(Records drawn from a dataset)
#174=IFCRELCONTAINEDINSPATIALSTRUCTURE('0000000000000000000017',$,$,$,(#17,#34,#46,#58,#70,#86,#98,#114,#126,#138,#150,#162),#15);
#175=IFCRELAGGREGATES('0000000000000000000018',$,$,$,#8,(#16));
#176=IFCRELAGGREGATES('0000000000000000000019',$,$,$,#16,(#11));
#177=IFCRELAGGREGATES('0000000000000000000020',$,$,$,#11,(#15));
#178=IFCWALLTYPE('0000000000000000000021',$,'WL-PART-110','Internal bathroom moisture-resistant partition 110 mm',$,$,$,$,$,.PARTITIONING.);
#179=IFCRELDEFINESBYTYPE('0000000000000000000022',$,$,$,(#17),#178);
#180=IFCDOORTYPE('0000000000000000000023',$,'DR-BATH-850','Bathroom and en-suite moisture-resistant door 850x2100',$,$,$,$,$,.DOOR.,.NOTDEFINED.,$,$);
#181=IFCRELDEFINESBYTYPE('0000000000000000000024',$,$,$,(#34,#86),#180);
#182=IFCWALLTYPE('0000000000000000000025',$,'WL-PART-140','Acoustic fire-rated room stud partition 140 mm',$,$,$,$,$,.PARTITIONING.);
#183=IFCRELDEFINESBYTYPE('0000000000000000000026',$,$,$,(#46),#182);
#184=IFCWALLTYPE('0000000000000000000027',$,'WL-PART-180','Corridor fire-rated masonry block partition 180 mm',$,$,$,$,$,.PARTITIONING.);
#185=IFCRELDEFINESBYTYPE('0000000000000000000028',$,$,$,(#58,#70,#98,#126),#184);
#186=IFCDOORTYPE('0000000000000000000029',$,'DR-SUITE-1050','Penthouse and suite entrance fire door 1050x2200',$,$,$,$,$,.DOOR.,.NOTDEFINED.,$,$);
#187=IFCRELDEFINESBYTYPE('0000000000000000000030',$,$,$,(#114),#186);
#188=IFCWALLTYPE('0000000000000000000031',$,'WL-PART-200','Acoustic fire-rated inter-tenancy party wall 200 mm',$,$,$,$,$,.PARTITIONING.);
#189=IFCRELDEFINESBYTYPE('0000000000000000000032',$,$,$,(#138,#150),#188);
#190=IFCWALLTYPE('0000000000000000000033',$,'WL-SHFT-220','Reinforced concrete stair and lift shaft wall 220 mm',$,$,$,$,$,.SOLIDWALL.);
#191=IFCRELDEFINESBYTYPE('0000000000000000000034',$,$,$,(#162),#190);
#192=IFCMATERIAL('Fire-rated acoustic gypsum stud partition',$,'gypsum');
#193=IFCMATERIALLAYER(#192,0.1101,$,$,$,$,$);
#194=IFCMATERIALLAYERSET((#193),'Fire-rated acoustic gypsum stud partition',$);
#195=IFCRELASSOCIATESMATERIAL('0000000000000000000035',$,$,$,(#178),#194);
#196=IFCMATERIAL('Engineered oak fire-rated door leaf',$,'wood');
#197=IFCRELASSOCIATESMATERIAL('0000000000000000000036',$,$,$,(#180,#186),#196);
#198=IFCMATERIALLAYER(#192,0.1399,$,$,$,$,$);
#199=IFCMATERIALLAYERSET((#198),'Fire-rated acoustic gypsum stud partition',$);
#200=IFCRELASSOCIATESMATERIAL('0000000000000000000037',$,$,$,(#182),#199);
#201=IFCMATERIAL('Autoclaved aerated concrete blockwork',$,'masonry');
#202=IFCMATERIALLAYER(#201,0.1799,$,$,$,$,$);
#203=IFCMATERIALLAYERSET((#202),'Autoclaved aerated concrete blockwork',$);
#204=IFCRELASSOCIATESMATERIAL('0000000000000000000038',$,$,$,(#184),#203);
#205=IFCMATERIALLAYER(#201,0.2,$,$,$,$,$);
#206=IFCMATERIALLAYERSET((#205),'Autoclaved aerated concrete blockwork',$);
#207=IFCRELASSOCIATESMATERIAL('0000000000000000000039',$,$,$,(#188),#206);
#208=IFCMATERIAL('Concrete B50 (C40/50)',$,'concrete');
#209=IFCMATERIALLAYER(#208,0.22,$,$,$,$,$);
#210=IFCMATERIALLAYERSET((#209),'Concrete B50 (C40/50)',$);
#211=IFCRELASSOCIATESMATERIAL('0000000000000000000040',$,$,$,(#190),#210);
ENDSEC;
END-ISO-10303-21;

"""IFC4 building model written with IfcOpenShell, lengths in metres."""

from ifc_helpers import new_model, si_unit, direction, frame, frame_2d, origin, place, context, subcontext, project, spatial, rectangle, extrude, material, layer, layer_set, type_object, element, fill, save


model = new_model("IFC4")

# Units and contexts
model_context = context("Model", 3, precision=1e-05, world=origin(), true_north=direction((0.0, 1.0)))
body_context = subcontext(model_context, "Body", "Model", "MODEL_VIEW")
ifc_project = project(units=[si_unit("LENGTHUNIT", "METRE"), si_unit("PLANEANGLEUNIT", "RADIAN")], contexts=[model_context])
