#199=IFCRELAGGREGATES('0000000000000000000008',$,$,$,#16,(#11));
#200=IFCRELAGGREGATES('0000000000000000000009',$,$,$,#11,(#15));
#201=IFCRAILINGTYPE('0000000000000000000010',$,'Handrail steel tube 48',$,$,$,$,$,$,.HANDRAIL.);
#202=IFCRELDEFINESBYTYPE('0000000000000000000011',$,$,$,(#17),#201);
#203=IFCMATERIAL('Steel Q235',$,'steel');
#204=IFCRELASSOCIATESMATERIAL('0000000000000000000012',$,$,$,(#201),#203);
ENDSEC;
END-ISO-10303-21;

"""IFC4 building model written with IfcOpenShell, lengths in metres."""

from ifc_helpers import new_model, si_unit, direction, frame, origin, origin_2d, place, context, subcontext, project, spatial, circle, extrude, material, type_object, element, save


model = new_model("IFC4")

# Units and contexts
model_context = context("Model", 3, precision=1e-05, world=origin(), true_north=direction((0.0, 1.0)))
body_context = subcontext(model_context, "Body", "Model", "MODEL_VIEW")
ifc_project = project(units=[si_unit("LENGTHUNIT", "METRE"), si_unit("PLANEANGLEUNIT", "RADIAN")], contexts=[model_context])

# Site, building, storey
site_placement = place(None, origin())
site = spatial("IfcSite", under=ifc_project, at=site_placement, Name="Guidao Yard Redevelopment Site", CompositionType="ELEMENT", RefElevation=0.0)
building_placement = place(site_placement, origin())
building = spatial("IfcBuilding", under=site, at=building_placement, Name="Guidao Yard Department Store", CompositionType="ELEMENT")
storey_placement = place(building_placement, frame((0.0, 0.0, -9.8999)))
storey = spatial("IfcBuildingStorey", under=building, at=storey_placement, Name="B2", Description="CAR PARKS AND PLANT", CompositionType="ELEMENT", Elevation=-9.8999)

=== Exercise directions ===
Write out word for word only the lines from the start of the entries down to the line with "partition 140 mm',$,$,$,$,$,.PARTITIONING.);", please, including both ends.

=== Exercise solution ===
#174=IFCRELCONTAINEDINSPATIALSTRUCTURE('0000000000000000000017',$,$,$,(#17,#34,#46,#58,#70,#86,#98,#114,#126,#138,#150,#162),#15);
#175=IFCRELAGGREGATES('0000000000000000000018',$,$,$,#8,(#16));
#176=IFCRELAGGREGATES('0000000000000000000019',$,$,$,#16,(#11));
#177=IFCRELAGGREGATES('0000000000000000000020',$,$,$,#11,(#15));
#178=IFCWALLTYPE('0000000000000000000021',$,'WL-PART-110','Internal bathroom moisture-resistant partition 110 mm',$,$,$,$,$,.PARTITIONING.);
#179=IFCRELDEFINESBYTYPE('0000000000000000000022',$,$,$,(#17),#178);
#180=IFCDOORTYPE('0000000000000000000023',$,'DR-BATH-850','Bathroom and en-suite moisture-resistant door 850x2100',$,$,$,$,$,.DOOR.,.NOTDEFINED.,$,$);
#181=IFCRELDEFINESBYTYPE('0000000000000000000024',$,$,$,(#34,#86),#180);
#182=IFCWALLTYPE('0000000000000000000025',$,'WL-PART-140','Acoustic fire-rated room stud partition 140 mm',$,$,$,$,$,.PARTITIONING.);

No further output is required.